Task statement:
Go through the lines below. Copy those with "IFCRELAGGREGATES".

*** Extracted records

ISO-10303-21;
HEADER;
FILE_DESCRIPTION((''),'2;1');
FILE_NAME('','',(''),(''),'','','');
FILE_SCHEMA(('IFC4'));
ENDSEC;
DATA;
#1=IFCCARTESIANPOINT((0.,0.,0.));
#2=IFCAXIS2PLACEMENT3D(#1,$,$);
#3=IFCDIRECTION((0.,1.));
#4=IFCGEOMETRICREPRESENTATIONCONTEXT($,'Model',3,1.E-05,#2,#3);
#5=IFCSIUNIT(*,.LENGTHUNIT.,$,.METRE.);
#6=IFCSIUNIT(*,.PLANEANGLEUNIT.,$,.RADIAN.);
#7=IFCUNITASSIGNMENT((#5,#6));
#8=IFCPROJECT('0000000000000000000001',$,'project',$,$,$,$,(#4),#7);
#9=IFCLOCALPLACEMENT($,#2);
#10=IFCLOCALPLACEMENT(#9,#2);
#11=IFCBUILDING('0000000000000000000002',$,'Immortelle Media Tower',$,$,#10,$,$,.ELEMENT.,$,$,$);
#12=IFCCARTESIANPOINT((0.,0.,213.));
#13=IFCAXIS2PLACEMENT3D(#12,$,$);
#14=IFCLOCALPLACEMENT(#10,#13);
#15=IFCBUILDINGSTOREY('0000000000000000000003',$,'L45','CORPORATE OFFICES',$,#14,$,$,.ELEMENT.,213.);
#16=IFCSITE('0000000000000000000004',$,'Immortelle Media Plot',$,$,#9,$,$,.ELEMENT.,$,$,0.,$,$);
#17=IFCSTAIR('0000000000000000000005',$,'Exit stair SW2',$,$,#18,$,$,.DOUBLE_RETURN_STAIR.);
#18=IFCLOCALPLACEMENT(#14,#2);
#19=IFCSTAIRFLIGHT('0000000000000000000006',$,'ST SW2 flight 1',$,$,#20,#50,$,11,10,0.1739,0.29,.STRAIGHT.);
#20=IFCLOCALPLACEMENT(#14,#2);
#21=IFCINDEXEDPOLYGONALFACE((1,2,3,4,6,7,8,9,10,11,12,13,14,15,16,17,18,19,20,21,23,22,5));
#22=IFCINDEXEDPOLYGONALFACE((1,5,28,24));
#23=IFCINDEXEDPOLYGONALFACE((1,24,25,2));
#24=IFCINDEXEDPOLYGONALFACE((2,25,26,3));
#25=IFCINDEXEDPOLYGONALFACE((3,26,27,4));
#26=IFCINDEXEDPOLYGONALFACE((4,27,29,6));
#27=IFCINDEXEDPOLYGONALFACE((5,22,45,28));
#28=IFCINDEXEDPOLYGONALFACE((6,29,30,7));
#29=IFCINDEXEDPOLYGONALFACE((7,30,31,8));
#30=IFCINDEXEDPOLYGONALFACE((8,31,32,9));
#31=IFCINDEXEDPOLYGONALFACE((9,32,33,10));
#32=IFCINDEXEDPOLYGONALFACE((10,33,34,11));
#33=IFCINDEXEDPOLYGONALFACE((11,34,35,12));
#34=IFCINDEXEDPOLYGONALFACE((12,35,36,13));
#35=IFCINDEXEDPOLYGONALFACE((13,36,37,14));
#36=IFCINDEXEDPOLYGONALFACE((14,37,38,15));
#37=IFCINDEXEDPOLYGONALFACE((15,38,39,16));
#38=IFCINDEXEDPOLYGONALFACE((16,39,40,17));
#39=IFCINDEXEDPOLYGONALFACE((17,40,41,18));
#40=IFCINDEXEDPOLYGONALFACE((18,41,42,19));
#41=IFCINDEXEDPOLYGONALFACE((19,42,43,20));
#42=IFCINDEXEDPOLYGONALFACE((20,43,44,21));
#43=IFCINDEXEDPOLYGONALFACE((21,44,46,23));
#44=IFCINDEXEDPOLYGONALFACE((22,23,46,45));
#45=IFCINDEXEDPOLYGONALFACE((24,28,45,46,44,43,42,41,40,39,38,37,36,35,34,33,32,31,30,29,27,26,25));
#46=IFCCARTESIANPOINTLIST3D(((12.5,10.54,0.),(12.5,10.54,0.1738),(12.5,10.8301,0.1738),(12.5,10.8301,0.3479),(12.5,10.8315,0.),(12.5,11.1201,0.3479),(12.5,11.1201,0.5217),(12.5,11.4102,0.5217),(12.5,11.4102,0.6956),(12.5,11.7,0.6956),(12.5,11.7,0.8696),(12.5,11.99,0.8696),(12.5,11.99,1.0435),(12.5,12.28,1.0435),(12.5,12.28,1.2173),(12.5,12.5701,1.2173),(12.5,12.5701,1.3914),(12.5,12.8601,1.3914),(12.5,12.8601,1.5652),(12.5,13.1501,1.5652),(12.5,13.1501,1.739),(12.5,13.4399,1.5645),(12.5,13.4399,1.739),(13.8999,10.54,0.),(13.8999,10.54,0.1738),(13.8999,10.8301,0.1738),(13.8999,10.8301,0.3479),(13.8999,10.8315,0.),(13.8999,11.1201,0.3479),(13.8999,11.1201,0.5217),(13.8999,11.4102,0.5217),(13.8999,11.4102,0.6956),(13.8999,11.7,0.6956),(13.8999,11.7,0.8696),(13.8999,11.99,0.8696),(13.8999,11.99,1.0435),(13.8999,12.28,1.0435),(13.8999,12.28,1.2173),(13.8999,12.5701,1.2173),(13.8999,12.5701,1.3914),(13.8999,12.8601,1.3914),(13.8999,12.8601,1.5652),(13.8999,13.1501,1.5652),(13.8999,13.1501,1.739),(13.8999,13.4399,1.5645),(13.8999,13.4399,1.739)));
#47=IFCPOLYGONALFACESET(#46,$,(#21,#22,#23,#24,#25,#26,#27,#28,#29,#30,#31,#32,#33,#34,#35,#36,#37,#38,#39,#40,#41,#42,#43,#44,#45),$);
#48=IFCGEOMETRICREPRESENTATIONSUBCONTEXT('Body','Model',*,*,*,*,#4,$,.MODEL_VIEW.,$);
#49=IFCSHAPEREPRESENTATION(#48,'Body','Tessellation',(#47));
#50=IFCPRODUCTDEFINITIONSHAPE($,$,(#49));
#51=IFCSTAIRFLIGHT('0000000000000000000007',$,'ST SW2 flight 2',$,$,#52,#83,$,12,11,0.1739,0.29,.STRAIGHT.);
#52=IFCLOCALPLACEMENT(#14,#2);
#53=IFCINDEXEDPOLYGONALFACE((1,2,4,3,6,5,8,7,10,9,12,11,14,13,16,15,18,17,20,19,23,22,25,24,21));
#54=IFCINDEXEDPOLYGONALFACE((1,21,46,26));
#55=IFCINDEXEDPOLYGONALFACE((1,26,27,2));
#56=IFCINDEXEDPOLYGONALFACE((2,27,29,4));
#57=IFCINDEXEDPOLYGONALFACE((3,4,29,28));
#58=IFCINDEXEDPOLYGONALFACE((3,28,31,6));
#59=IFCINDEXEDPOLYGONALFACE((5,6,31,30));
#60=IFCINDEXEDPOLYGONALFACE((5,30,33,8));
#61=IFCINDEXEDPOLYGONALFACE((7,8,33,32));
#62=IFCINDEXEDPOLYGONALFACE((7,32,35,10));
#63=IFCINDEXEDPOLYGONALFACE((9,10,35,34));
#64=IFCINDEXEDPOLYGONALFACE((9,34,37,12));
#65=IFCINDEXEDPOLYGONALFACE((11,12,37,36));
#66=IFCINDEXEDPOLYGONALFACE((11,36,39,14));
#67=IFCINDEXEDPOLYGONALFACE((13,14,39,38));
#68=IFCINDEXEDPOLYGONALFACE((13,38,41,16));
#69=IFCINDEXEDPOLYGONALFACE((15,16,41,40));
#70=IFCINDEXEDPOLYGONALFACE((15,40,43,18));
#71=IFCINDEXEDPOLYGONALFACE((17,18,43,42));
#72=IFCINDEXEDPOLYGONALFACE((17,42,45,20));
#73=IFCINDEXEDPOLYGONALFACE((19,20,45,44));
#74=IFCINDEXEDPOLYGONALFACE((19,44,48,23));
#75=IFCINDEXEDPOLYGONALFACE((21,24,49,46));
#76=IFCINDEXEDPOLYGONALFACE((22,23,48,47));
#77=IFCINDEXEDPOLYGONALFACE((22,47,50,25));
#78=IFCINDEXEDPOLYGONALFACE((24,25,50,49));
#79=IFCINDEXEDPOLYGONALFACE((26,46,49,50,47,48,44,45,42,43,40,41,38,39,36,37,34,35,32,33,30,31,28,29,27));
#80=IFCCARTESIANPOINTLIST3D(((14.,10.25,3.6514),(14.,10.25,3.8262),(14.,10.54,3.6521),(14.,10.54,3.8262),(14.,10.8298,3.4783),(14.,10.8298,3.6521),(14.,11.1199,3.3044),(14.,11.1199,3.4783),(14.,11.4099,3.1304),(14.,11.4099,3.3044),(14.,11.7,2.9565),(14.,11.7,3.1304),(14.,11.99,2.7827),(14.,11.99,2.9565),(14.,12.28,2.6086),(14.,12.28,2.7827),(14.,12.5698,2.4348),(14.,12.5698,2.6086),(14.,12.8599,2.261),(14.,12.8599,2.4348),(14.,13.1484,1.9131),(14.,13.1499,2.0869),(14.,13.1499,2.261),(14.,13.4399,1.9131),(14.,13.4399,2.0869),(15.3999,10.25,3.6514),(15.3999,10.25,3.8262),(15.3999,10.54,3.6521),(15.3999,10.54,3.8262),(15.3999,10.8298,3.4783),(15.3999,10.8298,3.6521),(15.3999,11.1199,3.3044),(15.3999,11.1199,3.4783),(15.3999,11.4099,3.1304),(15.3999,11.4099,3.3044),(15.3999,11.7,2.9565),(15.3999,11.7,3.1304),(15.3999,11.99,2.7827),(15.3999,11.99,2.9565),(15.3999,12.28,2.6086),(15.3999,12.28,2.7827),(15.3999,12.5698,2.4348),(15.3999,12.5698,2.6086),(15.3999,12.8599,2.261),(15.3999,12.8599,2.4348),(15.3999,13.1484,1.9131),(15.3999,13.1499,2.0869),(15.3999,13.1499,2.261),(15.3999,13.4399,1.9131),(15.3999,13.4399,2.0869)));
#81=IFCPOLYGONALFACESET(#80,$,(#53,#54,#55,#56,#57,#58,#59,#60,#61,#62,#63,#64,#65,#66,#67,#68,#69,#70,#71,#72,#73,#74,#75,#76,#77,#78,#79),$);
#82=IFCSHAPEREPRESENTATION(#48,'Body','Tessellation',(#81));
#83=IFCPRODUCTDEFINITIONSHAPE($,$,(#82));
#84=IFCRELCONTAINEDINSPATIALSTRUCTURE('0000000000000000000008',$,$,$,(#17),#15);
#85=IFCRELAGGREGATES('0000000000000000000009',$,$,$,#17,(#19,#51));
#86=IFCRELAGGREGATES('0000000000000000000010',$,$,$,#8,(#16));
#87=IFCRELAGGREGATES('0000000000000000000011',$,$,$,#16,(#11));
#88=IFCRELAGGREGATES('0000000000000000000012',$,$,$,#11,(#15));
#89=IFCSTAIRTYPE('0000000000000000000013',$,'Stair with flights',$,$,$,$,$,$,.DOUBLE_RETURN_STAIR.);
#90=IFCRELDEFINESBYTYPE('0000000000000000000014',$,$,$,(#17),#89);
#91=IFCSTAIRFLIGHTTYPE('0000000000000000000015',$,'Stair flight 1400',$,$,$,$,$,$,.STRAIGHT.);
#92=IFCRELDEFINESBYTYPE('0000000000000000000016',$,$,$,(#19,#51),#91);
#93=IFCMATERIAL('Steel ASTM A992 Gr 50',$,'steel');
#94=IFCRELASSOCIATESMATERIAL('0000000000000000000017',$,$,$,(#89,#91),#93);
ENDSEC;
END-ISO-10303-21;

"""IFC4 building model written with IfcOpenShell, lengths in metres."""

from ifc_helpers import new_model, si_unit, direction, frame, origin, place, context, subcontext, project, spatial, polyline, outline, extrude, material, type_object, element, aggregate, save


model = new_model("IFC4")

# Units and contexts
model_context = context("Model", 3, precision=1e-05, world=origin(), true_north=direction((0.0, 1.0)))
body_context = subcontext(model_context, "Body", "Model", "MODEL_VIEW")
ifc_project = project(units=[si_unit("LENGTHUNIT", "METRE"), si_unit("PLANEANGLEUNIT", "RADIAN")], contexts=[model_context])

# Site, building, storey
site_placement = place(None, origin())
site = spatial("IfcSite", under=ifc_project, at=site_placement, Name="Immortelle Media Plot", CompositionType="ELEMENT", RefElevation=0.0)
building_placement = place(site_placement, origin())
building = spatial("IfcBuilding", under=site, at=building_placement, Name="Immortelle Media Tower", CompositionType="ELEMENT")
storey_placement = place(building_placement, frame((0.0, 0.0, 213.0)))
storey = spatial("IfcBuildingStorey", under=building, at=storey_placement, Name="L45", Description="CORPORATE OFFICES", CompositionType="ELEMENT", Elevation=213.0)

# Shared definitions
ifc_material_1 = material(Name="Steel ASTM A992 Gr 50", Category="steel")

# Stair, stair flights
stair_type = type_object("IfcStairType", Name="Stair with flights", PredefinedType="DOUBLE_RETURN_STAIR", material=ifc_material_1)
stair_flight_type = type_object("IfcStairFlightType", Name="Stair flight 1400", PredefinedType="STRAIGHT", material=ifc_material_1)
stair_1_placement = place(storey_placement, origin())
stair_1 = element("IfcStair", 1, at=stair_1_placement, inside=storey, type_object=stair_type, Name="Exit stair SW2", PredefinedType="DOUBLE_RETURN_STAIR")
stair_flight_1_placement = place(storey_placement, frame((13.2, 10.54, 0.0), z_axis=(0.0, 0.0, 1.0), x_axis=(0.0, 1.0, 0.0)))
stair_flight_1 = element("IfcStairFlight", 2, at=stair_flight_1_placement, type_object=stair_flight_type, Name="ST SW2 flight 1", NumberOfRisers=11, NumberOfTreads=10, PredefinedType="STRAIGHT", RiserHeight=0.1739, TreadLength=0.29, context=body_context, shape_type="SweptSolid", body=[
    extrude(outline(polyline([(0.0, 0.0), (0.0, 0.1738), (0.29, 0.1738), (0.29, 0.3479), (0.5801, 0.3479), (0.5801, 0.5217), (0.8701, 0.5217), (0.8701, 0.6956), (1.1599, 0.6956), (1.1599, 0.8696), (1.45, 0.8696), (1.45, 1.0435), (1.74, 1.0435), (1.74, 1.2173), (2.03, 1.2173), (2.03, 1.3914), (2.3201, 1.3914), (2.3201, 1.5652), (2.6101, 1.5652), (2.6101, 1.739), (2.8999, 1.739), (2.8999, 1.9131), (2.8999, 1.5645), (0.2915, 0.0), (0.0, 0.0)])), frame((0.0, 0.7, 0.0), z_axis=(0.0, -1.0, 0.0), x_axis=(1.0, 0.0, 0.0)), (0.0, 0.0, 1.0), 1.3999),
])
stair_flight_2_placement = place(storey_placement, frame((14.7, 13.4399, 1.9131), z_axis=(0.0, 0.0, 1.0), x_axis=(0.0, -1.0, 0.0)))
stair_flight_2 = element("IfcStairFlight", 3, at=stair_flight_2_placement, type_object=stair_flight_type, Name="ST SW2 flight 2", NumberOfRisers=12, NumberOfTreads=11, PredefinedType="STRAIGHT", RiserHeight=0.1739, TreadLength=0.29, context=body_context, shape_type="SweptSolid", body=[
    extrude(outline(polyline([(0.0, 0.0), (0.0, 0.1738), (0.29, 0.1738), (0.29, 0.3479), (0.5801, 0.3479), (0.5801, 0.5217), (0.8701, 0.5217), (0.8701, 0.6956), (1.1599, 0.6956), (1.1599, 0.8696), (1.45, 0.8696), (1.45, 1.0435), (1.74, 1.0435), (1.74, 1.2173), (2.03, 1.2173), (2.03, 1.3914), (2.3201, 1.3914), (2.3201, 1.5652), (2.6101, 1.5652), (2.6101, 1.739), (2.8999, 1.739), (2.8999, 1.9131), (3.1899, 1.9131), (3.1899, 2.0869), (3.1899, 1.7383), (0.2915, 0.0), (0.0, 0.0)])), frame((0.0, 0.7, 0.0), z_axis=(0.0, -1.0, 0.0), x_axis=(1.0, 0.0, 0.0)), (0.0, 0.0, 1.0), 1.3999),
])
aggregate(stair_1, [stair_flight_1, stair_flight_2])

save(model, "model.ifc")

******

Solution to this problem:
#85=IFCRELAGGREGATES('0000000000000000000009',$,$,$,#17,(#19,#51));
#86=IFCRELAGGREGATES('0000000000000000000010',$,$,$,#8,(#16));
#87=IFCRELAGGREGATES('0000000000000000000011',$,$,$,#16,(#11));
#88=IFCRELAGGREGATES('0000000000000000000012',$,$,$,#11,(#15));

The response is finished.